◆ Problem description ◆
For the word "under", return each line of the data in which it occurs.

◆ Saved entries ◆
=-=-=

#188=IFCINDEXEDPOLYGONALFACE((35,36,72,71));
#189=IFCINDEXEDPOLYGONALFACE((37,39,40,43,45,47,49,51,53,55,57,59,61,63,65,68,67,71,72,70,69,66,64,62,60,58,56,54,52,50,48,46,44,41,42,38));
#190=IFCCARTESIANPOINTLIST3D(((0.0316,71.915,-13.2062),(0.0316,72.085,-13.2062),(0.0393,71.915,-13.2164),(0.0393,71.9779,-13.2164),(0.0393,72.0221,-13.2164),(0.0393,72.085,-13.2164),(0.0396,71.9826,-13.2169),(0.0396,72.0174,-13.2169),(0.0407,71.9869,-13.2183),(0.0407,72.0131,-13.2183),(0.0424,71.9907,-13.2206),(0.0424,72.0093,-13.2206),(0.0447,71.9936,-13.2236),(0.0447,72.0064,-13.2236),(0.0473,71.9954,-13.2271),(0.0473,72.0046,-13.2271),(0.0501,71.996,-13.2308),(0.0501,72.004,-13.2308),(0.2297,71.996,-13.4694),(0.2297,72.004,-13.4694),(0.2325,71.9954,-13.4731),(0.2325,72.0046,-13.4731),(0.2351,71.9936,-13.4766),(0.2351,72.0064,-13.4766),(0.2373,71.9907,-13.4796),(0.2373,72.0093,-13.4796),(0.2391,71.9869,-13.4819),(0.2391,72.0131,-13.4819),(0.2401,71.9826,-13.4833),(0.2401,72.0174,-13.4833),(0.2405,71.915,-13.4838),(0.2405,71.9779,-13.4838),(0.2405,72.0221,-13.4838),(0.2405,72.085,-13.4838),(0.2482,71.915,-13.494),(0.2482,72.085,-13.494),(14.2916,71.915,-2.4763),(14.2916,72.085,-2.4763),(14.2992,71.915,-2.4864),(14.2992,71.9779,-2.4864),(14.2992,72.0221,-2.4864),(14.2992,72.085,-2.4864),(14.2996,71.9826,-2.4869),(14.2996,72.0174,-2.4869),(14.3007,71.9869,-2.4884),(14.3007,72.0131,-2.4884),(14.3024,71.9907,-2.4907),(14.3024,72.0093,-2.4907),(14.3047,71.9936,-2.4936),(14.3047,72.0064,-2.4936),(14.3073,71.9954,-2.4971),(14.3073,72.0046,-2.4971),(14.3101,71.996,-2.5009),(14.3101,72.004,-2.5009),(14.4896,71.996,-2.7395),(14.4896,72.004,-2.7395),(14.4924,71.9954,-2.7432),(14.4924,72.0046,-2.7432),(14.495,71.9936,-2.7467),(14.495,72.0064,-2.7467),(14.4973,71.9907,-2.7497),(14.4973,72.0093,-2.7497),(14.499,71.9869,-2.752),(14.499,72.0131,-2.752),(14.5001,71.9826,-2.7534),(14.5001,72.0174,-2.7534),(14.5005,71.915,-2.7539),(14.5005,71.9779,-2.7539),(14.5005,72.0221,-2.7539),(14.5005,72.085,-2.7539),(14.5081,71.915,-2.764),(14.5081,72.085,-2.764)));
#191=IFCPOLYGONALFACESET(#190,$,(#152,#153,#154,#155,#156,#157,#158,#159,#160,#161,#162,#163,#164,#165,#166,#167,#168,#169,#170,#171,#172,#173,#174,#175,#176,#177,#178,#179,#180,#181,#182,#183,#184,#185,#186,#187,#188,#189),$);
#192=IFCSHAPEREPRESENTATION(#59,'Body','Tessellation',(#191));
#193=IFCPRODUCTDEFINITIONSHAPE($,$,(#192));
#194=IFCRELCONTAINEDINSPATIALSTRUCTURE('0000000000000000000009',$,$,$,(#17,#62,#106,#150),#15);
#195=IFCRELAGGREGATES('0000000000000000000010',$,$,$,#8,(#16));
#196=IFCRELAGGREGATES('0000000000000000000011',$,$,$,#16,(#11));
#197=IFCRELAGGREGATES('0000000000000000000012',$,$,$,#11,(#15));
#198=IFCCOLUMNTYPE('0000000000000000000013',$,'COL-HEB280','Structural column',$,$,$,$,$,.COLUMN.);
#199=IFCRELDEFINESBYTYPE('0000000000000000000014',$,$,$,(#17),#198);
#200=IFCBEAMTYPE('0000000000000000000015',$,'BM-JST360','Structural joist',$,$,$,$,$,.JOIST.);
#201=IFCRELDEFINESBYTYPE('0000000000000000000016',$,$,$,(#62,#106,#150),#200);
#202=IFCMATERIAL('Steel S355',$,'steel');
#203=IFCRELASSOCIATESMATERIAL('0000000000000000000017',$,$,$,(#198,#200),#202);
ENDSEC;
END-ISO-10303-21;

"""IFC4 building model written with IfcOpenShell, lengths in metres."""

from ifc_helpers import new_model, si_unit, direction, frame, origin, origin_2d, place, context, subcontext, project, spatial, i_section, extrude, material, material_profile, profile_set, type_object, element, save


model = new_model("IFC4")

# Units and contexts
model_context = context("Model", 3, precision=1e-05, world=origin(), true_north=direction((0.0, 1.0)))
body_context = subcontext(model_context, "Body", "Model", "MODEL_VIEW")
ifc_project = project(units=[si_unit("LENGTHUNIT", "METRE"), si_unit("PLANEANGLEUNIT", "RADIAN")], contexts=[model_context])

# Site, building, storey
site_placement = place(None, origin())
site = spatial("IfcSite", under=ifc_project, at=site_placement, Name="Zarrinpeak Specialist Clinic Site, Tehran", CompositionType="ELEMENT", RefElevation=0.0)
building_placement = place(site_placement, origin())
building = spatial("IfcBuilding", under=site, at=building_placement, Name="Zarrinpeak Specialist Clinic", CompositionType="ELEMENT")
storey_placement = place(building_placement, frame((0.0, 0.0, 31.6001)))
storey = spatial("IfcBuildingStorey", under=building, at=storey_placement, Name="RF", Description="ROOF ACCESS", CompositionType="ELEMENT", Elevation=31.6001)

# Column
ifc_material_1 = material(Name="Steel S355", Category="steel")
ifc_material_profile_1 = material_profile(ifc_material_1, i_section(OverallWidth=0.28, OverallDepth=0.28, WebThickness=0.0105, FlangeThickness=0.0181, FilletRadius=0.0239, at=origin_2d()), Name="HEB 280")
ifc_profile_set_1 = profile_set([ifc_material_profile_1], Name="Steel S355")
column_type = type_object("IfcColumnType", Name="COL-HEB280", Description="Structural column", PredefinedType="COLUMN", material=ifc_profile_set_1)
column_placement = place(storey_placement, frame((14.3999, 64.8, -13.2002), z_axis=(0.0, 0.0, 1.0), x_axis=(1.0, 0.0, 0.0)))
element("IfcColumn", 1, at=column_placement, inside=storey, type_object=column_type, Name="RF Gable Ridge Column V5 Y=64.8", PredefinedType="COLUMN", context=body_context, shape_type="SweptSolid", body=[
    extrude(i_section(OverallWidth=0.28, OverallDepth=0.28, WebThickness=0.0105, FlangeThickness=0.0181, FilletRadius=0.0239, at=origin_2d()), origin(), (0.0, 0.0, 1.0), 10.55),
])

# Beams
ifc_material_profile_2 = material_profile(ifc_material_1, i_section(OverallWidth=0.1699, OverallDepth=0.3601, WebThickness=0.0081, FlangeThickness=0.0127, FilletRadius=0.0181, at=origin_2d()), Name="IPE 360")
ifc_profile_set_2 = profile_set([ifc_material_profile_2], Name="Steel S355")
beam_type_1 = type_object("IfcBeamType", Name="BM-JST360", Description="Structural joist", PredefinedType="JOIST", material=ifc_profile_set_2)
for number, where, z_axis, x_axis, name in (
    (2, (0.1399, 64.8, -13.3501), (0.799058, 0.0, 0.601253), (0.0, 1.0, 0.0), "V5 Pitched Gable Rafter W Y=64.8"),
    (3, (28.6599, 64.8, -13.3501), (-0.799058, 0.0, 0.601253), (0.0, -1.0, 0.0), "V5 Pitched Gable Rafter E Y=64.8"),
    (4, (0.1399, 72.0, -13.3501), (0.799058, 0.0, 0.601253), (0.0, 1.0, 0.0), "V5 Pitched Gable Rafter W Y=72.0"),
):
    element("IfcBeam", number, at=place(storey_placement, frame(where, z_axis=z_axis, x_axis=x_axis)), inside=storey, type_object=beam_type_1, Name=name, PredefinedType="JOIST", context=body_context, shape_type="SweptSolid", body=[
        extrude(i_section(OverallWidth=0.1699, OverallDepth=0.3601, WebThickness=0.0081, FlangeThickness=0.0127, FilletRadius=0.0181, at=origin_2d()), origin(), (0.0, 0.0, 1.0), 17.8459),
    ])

=-=-=

◆ Exercise solution ◆
site = spatial("IfcSite", under=ifc_project, at=site_placement, Name="Zarrinpeak Specialist Clinic Site, Tehran", CompositionType="ELEMENT", RefElevation=0.0)
building = spatial("IfcBuilding", under=site, at=building_placement, Name="Zarrinpeak Specialist Clinic", CompositionType="ELEMENT")
storey = spatial("IfcBuildingStorey", under=building, at=storey_placement, Name="RF", Description="ROOF ACCESS", CompositionType="ELEMENT", Elevation=31.6001)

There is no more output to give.